Start of Block
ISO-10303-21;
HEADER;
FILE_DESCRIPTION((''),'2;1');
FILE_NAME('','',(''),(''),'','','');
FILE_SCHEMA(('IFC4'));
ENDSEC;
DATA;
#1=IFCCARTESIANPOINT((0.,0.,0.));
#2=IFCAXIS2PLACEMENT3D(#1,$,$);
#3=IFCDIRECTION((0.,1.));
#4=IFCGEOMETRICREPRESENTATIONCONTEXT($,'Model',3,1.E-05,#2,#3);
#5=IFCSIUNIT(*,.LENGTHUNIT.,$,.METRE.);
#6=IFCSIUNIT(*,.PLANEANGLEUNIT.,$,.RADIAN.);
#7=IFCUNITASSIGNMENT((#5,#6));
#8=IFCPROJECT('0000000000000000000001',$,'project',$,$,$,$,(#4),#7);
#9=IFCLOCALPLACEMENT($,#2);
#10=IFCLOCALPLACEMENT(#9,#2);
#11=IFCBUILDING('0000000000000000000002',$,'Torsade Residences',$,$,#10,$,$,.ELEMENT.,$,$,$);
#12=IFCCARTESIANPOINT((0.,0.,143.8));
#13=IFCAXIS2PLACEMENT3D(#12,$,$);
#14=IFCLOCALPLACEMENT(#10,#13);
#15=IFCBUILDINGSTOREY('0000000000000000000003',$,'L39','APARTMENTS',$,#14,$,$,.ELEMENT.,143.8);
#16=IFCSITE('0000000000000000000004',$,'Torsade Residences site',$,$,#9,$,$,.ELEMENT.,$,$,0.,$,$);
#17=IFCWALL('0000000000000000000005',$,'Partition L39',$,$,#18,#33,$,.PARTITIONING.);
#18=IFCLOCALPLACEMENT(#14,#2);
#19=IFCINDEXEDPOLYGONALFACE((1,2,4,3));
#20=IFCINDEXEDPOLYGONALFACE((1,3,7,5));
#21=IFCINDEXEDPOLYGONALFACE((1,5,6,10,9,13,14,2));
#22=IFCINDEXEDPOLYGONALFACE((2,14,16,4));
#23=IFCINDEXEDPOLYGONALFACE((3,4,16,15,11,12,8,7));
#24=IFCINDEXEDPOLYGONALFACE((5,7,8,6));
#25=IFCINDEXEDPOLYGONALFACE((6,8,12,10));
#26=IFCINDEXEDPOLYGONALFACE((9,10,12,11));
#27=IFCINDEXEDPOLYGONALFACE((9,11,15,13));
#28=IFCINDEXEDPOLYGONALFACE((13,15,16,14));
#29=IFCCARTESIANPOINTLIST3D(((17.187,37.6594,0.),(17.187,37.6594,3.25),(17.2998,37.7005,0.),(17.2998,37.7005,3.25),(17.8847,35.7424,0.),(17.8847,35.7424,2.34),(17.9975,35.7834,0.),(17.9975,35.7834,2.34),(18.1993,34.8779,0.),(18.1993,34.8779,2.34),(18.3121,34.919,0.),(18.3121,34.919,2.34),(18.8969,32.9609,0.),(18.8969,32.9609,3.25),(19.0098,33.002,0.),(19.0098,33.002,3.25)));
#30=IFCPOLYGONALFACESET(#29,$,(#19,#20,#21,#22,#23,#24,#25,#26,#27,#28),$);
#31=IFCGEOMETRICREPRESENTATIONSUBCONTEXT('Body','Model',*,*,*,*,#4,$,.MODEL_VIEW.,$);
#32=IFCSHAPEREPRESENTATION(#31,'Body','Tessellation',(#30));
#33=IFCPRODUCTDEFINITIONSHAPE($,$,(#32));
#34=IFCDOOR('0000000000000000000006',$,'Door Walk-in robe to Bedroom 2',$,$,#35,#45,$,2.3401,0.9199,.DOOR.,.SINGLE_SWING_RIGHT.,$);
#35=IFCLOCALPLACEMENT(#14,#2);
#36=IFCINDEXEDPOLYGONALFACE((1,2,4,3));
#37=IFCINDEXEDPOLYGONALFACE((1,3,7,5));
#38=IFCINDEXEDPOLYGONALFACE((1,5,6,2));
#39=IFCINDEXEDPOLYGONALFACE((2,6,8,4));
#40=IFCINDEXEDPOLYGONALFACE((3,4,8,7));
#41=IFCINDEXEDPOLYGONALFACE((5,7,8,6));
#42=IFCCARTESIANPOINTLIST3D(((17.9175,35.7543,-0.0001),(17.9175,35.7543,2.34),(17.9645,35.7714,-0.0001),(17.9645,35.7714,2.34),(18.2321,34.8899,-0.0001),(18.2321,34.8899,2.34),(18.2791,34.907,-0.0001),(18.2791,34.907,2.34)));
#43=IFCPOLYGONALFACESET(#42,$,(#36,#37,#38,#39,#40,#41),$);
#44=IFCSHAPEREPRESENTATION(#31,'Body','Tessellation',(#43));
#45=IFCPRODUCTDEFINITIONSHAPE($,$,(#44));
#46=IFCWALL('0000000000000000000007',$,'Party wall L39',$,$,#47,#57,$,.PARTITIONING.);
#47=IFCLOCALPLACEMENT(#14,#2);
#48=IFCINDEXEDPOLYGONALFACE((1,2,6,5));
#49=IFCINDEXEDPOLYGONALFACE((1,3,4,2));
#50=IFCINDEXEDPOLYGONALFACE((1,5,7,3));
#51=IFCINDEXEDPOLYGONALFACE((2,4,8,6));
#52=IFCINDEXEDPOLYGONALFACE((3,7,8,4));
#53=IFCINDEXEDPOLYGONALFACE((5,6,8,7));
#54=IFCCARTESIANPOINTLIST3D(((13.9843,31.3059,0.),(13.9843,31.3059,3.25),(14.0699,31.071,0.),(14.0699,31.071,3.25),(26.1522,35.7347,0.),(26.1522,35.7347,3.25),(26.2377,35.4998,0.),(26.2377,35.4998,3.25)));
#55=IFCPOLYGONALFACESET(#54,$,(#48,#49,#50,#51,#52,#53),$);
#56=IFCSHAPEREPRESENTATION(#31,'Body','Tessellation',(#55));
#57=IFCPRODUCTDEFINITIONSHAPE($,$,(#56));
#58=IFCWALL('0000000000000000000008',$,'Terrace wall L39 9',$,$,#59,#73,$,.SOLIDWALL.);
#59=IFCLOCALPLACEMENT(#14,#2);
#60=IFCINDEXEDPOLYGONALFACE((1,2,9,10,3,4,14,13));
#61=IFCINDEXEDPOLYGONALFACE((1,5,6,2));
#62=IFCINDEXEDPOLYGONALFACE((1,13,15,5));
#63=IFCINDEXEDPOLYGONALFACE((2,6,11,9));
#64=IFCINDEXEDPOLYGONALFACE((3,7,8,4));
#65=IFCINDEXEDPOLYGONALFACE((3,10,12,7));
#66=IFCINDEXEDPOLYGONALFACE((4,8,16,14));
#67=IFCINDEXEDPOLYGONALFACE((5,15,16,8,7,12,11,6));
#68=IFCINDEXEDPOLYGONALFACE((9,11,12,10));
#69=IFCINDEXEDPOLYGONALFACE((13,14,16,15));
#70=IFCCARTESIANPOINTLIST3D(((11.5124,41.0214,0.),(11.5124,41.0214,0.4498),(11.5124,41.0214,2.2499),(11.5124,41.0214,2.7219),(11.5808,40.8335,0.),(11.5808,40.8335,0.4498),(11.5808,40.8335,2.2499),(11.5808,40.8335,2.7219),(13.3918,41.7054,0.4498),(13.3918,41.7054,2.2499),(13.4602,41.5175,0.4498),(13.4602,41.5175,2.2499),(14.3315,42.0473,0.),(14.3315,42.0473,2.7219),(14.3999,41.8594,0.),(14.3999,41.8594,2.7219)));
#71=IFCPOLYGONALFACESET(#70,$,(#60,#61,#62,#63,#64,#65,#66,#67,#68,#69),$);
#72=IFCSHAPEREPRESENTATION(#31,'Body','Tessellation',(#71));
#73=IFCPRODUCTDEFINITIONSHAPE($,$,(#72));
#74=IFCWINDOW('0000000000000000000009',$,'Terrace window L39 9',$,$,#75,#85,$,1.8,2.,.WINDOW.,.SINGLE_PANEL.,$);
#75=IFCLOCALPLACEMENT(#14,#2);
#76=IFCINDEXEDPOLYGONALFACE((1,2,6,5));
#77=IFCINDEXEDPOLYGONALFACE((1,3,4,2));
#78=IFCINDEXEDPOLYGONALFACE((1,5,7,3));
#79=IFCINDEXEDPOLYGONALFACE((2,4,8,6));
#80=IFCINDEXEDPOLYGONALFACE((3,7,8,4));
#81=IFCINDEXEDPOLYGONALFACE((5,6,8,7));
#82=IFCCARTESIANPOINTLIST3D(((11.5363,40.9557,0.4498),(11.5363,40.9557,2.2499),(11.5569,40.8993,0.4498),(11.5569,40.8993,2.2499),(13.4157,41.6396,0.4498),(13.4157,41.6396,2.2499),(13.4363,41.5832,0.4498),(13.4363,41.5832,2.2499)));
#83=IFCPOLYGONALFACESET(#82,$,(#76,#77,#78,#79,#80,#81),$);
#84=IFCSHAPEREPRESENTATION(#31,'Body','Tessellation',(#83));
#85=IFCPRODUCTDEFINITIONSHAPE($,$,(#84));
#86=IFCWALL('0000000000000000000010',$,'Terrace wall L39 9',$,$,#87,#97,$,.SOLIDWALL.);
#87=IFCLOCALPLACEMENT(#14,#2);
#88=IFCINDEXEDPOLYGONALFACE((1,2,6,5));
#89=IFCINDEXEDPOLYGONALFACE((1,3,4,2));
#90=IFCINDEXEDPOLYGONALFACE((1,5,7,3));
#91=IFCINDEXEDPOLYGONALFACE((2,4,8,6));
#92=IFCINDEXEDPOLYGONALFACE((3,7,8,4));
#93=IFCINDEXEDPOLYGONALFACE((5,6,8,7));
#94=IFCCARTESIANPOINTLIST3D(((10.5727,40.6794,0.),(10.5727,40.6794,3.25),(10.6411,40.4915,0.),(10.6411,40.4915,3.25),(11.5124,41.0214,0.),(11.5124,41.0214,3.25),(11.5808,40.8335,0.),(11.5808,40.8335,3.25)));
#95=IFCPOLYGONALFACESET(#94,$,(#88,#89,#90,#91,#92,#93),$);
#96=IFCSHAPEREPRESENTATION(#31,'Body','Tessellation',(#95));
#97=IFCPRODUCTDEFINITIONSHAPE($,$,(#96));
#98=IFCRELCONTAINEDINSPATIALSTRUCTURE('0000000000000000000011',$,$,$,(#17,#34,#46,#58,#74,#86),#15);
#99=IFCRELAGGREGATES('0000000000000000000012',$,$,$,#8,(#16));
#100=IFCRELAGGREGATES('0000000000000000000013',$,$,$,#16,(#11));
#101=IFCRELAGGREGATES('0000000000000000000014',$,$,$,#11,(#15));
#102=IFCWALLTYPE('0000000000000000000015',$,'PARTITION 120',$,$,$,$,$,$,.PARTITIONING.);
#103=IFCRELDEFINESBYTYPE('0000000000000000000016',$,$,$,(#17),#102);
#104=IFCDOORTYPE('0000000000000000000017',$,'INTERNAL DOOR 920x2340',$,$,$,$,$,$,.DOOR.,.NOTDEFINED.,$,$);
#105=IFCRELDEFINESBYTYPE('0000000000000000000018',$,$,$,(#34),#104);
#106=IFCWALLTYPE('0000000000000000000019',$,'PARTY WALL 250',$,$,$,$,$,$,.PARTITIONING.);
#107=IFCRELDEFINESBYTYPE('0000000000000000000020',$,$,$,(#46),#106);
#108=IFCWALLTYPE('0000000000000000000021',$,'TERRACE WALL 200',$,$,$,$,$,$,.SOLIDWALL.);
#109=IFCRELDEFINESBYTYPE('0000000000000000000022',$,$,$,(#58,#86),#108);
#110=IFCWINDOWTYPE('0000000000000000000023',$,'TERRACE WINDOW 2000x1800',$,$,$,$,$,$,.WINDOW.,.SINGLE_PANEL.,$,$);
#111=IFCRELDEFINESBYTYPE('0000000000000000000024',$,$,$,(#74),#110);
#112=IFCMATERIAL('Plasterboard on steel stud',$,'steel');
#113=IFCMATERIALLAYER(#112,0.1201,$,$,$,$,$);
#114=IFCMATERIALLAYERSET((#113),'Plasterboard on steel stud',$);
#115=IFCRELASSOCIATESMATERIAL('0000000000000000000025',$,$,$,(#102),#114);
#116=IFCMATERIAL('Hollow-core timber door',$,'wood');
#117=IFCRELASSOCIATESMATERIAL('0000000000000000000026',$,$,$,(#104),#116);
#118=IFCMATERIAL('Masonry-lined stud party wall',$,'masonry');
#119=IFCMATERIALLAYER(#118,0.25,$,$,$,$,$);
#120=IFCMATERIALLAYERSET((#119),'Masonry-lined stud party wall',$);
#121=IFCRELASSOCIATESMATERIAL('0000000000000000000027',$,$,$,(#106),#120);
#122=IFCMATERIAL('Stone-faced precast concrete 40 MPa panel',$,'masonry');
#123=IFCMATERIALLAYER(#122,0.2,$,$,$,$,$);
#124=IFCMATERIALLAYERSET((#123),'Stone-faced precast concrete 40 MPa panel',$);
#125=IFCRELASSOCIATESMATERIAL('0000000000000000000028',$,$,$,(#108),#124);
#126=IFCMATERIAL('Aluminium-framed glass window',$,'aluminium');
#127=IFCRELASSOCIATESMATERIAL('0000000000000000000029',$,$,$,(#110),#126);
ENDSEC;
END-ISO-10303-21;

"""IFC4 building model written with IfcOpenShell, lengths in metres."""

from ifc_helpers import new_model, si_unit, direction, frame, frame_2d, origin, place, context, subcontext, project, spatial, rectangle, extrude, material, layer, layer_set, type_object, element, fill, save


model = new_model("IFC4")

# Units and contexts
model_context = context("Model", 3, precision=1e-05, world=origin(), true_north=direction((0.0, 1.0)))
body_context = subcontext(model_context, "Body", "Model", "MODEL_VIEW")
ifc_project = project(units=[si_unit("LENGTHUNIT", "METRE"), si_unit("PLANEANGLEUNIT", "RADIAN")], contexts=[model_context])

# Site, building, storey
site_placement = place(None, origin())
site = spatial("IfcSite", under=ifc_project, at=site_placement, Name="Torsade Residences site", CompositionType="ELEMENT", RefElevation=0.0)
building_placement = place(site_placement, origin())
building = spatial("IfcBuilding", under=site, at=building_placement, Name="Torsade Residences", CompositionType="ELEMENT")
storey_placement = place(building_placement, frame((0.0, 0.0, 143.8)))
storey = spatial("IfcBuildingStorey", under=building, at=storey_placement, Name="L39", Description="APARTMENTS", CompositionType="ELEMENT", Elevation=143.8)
End of Block
• **WHAT IS REQUIRED**: Reproduce exactly, please, only the lines from the start of the data above to the line that contains "#7=IFCUNITASSIGNMENT((#5,#6));", with both ends kept.

• **RESPONSE TO THE EXERCISE**:
ISO-10303-21;
HEADER;
FILE_DESCRIPTION((''),'2;1');
FILE_NAME('','',(''),(''),'','','');
FILE_SCHEMA(('IFC4'));
ENDSEC;
DATA;
#1=IFCCARTESIANPOINT((0.,0.,0.));
#2=IFCAXIS2PLACEMENT3D(#1,$,$);
#3=IFCDIRECTION((0.,1.));
#4=IFCGEOMETRICREPRESENTATIONCONTEXT($,'Model',3,1.E-05,#2,#3);
#5=IFCSIUNIT(*,.LENGTHUNIT.,$,.METRE.);
#6=IFCSIUNIT(*,.PLANEANGLEUNIT.,$,.RADIAN.);
#7=IFCUNITASSIGNMENT((#5,#6));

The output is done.